*Exercise data:*
++++

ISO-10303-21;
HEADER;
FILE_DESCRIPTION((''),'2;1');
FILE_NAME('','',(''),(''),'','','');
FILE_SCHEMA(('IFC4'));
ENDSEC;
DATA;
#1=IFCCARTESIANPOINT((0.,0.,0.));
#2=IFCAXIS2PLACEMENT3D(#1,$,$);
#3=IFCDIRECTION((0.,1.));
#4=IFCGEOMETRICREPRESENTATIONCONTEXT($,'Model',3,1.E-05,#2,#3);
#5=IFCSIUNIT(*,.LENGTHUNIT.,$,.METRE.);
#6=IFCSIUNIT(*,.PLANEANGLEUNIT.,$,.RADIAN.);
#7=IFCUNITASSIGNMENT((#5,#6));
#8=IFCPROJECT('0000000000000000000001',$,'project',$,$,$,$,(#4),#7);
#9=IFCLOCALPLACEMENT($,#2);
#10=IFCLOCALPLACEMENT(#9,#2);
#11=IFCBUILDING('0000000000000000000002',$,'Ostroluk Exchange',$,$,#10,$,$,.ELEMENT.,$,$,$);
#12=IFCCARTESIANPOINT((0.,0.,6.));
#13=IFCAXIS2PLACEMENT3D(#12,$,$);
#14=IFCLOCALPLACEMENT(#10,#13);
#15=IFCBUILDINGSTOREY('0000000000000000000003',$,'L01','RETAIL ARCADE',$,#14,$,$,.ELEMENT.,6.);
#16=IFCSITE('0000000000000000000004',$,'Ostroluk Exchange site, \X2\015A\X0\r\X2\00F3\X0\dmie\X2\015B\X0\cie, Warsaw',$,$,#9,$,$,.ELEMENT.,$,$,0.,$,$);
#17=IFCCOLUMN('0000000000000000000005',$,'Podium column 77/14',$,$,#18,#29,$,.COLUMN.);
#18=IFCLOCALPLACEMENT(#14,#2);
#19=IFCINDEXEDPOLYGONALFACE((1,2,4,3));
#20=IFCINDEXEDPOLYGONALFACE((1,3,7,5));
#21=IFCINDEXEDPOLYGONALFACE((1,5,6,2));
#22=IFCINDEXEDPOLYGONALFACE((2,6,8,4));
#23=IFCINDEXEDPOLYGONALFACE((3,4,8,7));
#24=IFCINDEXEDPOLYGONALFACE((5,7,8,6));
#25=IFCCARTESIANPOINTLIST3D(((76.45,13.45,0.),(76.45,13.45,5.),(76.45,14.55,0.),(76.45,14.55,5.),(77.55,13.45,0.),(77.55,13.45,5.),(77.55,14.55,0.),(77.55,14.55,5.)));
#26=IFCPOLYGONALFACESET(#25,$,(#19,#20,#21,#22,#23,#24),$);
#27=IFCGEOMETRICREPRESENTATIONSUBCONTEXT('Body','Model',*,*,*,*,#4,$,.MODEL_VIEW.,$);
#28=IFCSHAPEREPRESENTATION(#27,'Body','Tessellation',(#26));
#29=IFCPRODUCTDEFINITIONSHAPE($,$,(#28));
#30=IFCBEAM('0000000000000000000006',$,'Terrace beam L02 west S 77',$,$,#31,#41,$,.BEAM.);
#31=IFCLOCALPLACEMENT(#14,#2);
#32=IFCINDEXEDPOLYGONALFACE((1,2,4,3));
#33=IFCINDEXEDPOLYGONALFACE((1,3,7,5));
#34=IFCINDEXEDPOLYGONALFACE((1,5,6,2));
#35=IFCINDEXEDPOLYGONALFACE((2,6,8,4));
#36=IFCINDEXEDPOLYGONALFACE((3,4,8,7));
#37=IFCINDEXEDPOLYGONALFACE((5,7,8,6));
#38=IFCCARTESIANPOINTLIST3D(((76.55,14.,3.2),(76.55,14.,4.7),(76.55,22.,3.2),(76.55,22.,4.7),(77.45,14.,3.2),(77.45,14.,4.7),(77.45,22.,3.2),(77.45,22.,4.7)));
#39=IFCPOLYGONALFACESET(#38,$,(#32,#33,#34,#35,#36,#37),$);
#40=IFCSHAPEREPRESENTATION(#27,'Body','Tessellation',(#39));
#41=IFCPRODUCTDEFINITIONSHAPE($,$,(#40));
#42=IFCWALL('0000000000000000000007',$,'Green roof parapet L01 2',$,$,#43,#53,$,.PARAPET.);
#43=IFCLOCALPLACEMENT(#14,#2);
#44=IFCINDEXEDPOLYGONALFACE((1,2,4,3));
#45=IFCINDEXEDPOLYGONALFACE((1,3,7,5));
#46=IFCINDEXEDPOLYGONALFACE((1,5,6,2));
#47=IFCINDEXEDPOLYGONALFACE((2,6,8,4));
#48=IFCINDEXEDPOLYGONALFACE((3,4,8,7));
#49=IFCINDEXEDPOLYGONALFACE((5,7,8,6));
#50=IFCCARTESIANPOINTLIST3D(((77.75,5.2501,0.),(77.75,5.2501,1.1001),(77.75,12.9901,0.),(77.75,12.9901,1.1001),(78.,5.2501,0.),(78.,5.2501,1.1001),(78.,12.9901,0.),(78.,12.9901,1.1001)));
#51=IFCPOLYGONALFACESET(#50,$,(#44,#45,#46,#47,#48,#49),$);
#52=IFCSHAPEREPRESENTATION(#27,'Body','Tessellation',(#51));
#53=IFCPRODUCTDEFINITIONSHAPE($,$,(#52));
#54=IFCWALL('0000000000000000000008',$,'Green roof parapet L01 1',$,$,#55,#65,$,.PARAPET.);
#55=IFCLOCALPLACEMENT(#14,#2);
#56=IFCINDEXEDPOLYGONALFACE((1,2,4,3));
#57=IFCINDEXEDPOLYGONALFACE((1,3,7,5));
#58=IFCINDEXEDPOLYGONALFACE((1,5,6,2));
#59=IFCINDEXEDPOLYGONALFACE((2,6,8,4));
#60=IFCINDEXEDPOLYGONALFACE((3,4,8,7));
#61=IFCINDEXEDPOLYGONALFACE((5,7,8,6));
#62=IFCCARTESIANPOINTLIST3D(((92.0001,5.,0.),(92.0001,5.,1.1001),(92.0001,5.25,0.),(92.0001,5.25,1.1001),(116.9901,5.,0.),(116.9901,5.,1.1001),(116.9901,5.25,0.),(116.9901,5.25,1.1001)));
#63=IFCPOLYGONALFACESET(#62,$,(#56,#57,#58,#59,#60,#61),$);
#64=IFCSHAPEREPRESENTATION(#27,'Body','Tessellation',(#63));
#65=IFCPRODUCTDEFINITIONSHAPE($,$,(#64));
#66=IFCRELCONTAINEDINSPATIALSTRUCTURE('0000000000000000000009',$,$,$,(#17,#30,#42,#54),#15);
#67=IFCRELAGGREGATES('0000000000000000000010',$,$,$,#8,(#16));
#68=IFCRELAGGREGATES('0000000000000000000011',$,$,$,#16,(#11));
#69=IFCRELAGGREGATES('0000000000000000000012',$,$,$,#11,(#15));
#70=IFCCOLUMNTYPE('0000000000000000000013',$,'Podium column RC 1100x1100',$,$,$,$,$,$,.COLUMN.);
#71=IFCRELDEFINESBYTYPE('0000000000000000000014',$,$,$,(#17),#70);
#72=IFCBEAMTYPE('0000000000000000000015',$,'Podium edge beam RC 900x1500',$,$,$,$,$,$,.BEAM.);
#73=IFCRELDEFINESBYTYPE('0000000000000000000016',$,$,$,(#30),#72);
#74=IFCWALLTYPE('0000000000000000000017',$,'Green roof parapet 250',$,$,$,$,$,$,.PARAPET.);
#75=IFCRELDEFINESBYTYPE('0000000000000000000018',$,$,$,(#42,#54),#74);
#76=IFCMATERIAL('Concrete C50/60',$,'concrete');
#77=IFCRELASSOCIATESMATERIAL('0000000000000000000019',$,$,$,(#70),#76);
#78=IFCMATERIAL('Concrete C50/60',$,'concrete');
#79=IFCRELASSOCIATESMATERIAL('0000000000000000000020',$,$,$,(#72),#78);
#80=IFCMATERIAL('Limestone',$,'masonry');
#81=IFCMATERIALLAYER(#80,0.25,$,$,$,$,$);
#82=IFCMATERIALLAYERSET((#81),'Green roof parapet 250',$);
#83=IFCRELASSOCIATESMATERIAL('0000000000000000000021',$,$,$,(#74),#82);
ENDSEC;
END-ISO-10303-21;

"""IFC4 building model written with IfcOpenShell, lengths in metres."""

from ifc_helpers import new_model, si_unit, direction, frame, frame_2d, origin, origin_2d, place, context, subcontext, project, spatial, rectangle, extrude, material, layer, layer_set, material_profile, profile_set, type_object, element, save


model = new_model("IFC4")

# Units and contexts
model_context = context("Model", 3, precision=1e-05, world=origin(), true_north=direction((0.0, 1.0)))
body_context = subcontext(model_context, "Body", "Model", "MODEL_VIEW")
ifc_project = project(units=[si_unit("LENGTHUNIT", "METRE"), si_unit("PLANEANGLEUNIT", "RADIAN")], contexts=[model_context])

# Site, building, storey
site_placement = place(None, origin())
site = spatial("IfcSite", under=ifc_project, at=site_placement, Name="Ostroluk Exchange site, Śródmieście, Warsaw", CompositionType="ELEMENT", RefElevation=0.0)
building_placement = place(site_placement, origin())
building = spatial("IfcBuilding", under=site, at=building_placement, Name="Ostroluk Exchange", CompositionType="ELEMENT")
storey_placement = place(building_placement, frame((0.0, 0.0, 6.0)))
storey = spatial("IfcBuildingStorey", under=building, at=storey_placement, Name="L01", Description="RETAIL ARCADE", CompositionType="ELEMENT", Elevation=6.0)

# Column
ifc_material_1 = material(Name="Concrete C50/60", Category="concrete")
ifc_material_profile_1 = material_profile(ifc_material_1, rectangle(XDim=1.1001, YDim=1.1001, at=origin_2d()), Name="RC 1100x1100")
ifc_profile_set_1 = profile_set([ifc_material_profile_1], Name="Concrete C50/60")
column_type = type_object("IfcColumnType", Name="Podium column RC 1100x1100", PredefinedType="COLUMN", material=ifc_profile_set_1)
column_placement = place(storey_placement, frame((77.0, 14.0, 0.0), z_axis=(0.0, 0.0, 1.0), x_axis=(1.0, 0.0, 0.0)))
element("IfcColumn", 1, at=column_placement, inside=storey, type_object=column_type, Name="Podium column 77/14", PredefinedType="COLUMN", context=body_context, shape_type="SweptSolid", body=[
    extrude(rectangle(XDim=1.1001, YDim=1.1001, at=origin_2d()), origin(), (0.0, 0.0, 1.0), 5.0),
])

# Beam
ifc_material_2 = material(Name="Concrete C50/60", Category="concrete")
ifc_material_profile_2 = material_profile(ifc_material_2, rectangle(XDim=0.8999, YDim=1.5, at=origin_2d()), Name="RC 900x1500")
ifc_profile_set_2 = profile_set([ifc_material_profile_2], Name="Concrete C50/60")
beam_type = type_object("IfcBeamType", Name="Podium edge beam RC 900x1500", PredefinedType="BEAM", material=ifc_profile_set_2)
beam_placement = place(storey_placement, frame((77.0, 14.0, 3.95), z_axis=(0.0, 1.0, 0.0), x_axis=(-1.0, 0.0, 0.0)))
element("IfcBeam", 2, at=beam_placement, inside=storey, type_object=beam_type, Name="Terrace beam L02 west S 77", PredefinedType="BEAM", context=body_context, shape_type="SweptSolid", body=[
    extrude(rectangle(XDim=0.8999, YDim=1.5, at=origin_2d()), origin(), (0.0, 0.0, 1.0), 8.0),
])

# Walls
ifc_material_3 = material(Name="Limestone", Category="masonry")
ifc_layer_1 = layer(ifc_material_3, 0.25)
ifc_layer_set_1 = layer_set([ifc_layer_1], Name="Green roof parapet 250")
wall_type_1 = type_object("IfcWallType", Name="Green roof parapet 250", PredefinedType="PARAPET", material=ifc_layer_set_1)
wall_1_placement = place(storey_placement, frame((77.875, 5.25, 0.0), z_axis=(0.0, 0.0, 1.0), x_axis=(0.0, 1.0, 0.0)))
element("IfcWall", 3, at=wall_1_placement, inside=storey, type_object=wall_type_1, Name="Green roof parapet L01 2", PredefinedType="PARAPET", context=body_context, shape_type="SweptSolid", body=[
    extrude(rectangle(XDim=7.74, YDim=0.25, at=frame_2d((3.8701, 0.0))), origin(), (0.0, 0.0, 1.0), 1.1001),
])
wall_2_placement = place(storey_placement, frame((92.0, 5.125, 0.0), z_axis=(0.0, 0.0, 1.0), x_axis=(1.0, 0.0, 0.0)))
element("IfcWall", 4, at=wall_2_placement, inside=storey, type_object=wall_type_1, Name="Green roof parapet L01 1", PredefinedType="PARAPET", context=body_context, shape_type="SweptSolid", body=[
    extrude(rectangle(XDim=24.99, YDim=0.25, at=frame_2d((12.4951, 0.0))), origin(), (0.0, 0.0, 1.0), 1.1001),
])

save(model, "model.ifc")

++++

*Your objective:* Your answer must be the lines from the first line of the records through the line containing "#9=IFCLOCALPLACEMENT($,#2);", copied exactly.

*Task response:*
ISO-10303-21;
HEADER;
FILE_DESCRIPTION((''),'2;1');
FILE_NAME('','',(''),(''),'','','');
FILE_SCHEMA(('IFC4'));
ENDSEC;
DATA;
#1=IFCCARTESIANPOINT((0.,0.,0.));
#2=IFCAXIS2PLACEMENT3D(#1,$,$);
#3=IFCDIRECTION((0.,1.));
#4=IFCGEOMETRICREPRESENTATIONCONTEXT($,'Model',3,1.E-05,#2,#3);
#5=IFCSIUNIT(*,.LENGTHUNIT.,$,.METRE.);
#6=IFCSIUNIT(*,.PLANEANGLEUNIT.,$,.RADIAN.);
#7=IFCUNITASSIGNMENT((#5,#6));
#8=IFCPROJECT('0000000000000000000001',$,'project',$,$,$,$,(#4),#7);
#9=IFCLOCALPLACEMENT($,#2);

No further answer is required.